Listed records
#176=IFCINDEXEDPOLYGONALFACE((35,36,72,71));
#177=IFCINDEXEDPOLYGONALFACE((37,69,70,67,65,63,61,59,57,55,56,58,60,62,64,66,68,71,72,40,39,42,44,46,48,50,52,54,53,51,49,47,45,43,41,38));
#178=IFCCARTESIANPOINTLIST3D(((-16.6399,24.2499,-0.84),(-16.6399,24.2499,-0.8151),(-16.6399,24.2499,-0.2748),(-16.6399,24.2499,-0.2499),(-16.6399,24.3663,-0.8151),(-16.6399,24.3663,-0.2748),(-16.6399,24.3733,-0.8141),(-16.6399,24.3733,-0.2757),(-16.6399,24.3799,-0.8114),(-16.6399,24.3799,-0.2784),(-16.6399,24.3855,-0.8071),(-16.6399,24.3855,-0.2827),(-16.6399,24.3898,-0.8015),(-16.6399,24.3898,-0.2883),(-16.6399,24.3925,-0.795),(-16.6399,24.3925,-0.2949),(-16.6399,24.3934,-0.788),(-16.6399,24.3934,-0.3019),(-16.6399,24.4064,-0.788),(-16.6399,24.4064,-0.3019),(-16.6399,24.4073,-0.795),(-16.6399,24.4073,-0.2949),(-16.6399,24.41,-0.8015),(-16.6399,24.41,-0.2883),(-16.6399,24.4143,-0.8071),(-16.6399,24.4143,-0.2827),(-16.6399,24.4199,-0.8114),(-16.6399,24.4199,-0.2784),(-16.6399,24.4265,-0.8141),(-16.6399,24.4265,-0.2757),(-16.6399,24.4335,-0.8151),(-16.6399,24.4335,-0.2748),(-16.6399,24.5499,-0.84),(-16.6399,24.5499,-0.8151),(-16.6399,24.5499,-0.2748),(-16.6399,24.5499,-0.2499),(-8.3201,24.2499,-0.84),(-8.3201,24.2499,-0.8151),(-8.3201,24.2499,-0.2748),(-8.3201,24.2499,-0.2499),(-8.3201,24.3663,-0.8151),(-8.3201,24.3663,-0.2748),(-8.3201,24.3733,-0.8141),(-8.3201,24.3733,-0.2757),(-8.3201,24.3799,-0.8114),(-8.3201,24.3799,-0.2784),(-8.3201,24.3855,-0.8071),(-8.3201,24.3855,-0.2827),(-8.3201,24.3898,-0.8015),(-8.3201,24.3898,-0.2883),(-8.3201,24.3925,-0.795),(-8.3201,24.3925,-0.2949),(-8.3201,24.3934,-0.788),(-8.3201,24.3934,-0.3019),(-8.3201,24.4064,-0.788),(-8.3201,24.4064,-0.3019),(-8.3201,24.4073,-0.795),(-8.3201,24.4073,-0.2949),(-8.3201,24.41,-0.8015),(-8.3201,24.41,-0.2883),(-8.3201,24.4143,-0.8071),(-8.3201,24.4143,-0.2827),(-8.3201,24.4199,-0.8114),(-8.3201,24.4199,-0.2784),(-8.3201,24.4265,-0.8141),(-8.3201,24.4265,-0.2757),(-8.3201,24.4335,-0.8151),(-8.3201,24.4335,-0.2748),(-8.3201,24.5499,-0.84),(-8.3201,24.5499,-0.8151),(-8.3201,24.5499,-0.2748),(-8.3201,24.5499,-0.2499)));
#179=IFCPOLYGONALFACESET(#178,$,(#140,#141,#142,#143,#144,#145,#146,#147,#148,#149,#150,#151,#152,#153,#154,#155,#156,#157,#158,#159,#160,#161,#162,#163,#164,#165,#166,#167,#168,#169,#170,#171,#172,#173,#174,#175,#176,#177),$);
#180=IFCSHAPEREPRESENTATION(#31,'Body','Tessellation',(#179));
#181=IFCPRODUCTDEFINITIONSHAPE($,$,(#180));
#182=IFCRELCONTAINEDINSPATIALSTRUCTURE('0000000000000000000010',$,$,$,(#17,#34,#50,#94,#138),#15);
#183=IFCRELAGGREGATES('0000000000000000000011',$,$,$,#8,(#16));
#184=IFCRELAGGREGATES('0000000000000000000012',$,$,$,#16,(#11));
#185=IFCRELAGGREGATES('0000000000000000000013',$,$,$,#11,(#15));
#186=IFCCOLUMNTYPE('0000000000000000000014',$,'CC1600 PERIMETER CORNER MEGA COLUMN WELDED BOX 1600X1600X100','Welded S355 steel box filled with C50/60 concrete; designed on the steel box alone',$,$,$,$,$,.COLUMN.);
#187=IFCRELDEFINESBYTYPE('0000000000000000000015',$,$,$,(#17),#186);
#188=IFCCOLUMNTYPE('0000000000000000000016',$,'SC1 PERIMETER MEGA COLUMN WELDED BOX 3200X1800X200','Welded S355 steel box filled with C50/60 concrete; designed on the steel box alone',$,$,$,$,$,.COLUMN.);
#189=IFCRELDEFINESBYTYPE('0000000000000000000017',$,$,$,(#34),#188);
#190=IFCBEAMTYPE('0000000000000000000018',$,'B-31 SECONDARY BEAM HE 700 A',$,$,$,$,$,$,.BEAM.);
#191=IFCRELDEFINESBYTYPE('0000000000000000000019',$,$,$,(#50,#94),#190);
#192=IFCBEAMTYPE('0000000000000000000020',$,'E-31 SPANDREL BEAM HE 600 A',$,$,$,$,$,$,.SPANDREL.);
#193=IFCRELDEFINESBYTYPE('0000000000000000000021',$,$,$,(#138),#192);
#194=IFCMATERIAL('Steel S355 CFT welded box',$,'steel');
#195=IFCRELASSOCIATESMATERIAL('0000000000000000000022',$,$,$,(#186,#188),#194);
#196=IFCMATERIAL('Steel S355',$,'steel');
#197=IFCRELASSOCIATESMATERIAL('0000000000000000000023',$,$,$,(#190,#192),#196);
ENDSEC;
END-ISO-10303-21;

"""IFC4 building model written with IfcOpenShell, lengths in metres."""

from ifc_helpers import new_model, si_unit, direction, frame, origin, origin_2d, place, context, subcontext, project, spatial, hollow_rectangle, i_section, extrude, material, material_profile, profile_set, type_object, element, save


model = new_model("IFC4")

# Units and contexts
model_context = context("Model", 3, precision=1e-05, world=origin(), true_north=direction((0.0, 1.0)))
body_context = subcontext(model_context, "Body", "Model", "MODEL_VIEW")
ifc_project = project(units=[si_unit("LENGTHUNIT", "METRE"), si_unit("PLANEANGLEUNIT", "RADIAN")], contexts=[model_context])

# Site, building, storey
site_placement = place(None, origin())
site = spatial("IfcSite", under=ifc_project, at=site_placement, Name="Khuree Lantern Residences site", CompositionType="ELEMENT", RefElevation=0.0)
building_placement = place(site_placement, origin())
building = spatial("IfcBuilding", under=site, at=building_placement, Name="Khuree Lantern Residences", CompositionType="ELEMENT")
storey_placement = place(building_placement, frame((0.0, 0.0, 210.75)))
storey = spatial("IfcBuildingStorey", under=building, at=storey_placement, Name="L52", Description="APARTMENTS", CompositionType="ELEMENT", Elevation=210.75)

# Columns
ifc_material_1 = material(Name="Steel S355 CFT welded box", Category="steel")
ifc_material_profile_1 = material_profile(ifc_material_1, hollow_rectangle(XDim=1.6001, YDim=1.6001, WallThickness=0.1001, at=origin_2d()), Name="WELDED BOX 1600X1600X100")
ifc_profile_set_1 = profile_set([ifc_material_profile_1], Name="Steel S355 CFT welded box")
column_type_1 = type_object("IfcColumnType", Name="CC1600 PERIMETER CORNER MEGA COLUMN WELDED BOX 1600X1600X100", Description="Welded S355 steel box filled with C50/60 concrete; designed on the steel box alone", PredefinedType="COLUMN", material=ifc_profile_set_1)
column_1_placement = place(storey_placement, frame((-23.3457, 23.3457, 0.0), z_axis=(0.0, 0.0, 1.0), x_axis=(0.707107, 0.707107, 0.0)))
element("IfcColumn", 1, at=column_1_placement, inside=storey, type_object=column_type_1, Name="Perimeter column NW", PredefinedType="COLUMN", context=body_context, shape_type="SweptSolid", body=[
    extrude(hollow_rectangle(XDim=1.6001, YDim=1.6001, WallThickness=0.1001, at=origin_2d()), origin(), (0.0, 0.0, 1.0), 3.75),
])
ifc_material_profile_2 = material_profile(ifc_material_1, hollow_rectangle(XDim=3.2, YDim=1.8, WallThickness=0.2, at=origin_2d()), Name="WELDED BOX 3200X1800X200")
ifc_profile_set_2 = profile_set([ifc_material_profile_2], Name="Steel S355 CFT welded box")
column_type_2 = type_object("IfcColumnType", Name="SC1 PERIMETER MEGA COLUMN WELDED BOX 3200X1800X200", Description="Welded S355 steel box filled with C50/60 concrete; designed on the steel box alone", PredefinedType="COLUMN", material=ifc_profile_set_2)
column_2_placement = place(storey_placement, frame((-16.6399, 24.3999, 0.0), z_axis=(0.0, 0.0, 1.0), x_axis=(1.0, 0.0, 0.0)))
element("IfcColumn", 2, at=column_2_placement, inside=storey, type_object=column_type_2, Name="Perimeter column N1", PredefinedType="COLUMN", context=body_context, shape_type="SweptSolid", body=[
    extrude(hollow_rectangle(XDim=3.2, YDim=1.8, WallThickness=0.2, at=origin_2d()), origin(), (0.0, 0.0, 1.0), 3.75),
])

About this exercise
Determine how many lines above contain "Lantern" and respond with that number only.

Solution for this problem
2